Listed records section start

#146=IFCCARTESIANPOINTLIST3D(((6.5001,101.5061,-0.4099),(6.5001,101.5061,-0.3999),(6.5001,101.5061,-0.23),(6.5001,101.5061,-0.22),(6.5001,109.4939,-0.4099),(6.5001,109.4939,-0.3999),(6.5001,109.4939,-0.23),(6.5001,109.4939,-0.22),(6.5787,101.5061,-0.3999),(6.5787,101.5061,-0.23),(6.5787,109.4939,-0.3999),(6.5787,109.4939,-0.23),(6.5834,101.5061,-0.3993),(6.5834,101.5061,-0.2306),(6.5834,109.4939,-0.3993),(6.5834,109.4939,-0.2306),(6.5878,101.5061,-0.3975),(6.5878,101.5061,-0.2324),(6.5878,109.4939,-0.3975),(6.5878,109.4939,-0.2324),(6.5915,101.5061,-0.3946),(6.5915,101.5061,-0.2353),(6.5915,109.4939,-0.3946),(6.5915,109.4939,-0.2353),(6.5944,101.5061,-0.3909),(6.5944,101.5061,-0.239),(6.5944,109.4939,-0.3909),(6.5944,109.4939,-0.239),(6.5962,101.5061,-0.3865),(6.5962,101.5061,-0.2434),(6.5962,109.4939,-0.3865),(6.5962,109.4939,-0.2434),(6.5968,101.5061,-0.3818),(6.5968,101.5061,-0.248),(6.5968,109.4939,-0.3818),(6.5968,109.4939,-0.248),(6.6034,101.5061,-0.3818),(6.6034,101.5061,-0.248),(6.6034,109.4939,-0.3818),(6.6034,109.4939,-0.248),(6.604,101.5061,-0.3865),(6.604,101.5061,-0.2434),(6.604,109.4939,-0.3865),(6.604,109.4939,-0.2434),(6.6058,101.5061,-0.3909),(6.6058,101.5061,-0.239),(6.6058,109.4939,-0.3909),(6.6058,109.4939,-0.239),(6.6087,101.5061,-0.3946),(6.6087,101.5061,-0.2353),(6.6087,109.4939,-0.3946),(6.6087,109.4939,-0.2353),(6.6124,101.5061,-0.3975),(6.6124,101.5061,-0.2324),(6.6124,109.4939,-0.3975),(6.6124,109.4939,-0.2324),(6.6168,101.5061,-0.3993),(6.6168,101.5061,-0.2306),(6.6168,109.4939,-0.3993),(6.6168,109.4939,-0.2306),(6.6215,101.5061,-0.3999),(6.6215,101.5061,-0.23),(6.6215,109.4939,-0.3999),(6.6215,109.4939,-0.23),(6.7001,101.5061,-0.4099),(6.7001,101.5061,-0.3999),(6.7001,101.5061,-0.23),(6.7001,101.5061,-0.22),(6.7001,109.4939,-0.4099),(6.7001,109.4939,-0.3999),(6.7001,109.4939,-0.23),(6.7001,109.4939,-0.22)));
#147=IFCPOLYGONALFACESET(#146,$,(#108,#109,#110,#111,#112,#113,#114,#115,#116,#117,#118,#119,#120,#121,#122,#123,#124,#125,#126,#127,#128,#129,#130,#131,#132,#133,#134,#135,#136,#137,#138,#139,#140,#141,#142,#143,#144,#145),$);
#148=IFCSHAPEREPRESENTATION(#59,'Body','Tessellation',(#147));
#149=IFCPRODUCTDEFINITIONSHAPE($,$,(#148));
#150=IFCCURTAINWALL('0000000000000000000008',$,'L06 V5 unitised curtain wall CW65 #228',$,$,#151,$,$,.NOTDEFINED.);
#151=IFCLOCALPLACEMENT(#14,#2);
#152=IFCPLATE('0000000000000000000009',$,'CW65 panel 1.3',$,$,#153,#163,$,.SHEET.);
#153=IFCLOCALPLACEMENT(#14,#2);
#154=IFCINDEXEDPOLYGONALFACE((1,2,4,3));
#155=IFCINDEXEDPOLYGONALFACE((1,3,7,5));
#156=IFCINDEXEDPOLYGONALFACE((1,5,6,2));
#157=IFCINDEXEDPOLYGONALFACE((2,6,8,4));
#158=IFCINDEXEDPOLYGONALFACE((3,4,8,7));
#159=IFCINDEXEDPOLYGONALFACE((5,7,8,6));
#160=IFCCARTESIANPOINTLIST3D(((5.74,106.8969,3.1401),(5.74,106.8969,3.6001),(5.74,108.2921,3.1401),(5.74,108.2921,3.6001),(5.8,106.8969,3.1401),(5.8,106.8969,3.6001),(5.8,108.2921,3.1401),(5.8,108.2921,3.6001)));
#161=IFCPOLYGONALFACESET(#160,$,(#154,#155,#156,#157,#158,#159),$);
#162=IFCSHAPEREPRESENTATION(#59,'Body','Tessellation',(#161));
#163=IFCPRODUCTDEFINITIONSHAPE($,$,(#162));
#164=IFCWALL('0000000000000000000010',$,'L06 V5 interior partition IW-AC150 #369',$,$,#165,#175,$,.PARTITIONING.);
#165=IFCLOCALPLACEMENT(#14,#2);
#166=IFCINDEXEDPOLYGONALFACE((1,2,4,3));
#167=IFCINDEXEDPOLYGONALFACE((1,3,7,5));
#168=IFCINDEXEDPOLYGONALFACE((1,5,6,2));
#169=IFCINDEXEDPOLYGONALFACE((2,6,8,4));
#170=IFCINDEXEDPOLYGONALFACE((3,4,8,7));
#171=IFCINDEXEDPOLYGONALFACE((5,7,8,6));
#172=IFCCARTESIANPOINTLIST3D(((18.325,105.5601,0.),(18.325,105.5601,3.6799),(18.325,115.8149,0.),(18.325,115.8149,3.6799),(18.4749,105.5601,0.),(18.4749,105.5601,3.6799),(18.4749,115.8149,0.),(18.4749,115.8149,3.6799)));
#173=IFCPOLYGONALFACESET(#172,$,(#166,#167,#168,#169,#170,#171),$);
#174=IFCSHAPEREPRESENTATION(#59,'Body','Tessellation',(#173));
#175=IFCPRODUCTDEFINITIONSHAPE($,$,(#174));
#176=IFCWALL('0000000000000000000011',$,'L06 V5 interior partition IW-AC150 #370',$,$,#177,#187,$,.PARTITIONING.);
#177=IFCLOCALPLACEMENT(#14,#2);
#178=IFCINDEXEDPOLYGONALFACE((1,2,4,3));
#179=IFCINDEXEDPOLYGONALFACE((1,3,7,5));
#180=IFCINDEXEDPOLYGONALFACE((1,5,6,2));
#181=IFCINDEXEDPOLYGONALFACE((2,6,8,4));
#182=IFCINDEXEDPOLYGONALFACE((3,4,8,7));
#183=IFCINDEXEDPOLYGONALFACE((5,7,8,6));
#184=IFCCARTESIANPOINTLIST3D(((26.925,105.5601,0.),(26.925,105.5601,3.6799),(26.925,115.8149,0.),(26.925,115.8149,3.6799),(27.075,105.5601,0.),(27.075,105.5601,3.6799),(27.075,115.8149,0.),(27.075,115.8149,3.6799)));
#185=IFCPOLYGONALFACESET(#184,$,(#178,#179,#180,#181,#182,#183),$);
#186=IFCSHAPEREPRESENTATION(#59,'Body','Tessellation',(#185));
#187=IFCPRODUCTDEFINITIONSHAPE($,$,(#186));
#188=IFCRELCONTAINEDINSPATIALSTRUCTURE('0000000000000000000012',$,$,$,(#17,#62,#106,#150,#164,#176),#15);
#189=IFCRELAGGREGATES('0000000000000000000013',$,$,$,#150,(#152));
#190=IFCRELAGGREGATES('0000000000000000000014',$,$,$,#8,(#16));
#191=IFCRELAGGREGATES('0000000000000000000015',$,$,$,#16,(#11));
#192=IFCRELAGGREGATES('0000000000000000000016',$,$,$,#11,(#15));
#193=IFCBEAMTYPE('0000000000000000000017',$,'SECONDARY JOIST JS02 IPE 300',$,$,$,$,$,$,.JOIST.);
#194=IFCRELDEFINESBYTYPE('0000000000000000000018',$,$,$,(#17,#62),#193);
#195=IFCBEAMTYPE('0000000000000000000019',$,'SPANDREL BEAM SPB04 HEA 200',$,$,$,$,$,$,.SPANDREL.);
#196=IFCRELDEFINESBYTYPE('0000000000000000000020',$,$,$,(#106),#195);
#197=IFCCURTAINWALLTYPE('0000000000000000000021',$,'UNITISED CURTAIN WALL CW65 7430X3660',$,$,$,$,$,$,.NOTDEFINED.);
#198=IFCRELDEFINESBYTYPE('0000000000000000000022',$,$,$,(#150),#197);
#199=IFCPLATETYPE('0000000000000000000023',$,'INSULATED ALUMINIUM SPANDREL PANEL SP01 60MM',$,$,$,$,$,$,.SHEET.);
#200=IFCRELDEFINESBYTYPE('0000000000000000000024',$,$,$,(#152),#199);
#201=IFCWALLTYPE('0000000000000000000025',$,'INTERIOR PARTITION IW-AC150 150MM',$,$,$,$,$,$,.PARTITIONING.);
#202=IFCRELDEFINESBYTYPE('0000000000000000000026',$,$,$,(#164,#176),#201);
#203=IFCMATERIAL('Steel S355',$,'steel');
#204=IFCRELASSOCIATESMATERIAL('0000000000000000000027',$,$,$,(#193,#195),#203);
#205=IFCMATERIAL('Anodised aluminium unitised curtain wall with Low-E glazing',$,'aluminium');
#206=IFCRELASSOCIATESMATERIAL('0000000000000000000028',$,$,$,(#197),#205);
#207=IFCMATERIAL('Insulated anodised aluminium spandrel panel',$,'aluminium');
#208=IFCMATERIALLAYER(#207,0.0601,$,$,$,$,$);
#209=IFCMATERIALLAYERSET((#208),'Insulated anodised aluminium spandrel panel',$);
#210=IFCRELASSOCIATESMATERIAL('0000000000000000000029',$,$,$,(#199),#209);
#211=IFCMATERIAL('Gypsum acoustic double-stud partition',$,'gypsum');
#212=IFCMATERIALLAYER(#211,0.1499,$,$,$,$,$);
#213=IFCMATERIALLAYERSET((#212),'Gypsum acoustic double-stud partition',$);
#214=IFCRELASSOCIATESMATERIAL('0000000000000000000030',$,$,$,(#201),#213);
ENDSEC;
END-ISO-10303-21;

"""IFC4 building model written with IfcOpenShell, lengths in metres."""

Listed records section end
Listed records section start

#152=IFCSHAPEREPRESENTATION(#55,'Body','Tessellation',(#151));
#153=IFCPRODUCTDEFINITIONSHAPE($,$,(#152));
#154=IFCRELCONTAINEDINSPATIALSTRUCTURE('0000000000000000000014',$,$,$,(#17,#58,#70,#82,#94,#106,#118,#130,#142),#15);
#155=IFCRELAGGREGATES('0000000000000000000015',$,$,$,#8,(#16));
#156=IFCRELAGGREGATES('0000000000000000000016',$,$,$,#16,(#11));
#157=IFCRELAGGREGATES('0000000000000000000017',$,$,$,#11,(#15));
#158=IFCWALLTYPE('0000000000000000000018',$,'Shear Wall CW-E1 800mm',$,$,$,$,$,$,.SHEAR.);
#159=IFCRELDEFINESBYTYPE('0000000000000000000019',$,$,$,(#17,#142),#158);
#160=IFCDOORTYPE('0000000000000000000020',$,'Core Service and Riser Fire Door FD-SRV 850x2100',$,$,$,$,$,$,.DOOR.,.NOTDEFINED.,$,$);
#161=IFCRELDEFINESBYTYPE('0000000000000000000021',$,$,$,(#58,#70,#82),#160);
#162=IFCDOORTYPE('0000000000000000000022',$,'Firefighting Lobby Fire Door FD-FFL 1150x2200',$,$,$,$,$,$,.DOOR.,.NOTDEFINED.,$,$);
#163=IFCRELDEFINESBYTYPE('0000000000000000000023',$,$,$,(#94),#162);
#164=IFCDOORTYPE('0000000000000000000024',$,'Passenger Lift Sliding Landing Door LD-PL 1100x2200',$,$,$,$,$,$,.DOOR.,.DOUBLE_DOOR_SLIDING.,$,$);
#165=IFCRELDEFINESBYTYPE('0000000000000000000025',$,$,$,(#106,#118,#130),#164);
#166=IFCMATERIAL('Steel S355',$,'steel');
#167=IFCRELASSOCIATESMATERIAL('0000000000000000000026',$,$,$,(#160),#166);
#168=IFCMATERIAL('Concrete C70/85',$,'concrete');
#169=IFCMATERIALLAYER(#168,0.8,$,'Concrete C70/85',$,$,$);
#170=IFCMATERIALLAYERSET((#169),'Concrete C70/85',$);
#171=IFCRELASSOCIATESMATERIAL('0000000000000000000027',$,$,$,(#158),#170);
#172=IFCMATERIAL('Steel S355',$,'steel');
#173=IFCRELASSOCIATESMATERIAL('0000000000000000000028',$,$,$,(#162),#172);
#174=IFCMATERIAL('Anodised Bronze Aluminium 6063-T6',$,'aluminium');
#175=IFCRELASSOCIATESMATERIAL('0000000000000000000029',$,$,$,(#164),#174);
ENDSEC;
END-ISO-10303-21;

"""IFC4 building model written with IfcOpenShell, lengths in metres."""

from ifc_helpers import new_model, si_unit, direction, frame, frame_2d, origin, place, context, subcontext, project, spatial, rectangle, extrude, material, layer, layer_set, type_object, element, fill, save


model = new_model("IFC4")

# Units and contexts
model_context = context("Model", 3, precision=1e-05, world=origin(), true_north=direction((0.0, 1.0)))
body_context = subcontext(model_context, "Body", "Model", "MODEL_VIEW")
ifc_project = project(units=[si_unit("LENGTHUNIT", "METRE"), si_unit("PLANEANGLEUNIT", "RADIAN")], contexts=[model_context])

Listed records section end
Listed records section start

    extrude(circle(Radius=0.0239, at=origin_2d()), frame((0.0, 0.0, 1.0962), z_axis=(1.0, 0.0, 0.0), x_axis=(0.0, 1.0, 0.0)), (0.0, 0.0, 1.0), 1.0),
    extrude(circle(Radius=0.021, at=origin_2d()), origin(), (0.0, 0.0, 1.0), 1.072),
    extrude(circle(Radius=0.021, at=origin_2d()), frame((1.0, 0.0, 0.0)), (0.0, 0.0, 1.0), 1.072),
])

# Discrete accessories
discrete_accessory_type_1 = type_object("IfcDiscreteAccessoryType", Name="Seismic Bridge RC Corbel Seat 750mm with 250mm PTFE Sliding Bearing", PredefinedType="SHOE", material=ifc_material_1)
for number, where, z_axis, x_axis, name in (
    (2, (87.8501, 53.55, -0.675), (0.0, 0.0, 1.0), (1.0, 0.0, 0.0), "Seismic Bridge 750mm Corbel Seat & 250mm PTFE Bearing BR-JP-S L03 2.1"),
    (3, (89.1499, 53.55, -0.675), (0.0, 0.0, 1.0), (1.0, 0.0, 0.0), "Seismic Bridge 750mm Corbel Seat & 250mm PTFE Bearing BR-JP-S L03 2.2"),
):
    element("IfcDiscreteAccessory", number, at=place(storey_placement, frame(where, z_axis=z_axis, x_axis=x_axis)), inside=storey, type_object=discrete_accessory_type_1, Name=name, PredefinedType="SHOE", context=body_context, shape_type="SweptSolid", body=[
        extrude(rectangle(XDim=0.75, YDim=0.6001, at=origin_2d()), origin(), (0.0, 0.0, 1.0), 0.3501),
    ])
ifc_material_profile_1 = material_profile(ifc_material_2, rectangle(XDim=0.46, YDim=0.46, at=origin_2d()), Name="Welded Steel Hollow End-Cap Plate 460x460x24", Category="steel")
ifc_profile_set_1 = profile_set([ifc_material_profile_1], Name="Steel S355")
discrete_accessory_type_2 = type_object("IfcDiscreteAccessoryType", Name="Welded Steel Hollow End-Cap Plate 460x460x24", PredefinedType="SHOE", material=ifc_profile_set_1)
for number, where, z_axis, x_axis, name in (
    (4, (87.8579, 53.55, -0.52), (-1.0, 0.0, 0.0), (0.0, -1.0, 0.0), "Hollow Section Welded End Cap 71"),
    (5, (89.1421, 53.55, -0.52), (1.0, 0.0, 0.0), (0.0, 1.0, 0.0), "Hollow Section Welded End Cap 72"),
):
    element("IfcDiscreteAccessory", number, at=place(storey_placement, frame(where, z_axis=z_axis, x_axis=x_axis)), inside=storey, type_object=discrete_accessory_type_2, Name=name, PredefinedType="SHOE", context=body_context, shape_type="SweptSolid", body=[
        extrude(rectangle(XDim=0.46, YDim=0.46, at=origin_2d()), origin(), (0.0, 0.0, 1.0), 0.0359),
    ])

Listed records section end

### Work instruction
Could you return the lines in the entries above that contain "IFCRELAGGREGATES"?

### Solution below
#189=IFCRELAGGREGATES('0000000000000000000013',$,$,$,#150,(#152));
#190=IFCRELAGGREGATES('0000000000000000000014',$,$,$,#8,(#16));
#191=IFCRELAGGREGATES('0000000000000000000015',$,$,$,#16,(#11));
#192=IFCRELAGGREGATES('0000000000000000000016',$,$,$,#11,(#15));
#155=IFCRELAGGREGATES('0000000000000000000015',$,$,$,#8,(#16));
#156=IFCRELAGGREGATES('0000000000000000000016',$,$,$,#16,(#11));
#157=IFCRELAGGREGATES('0000000000000000000017',$,$,$,#11,(#15));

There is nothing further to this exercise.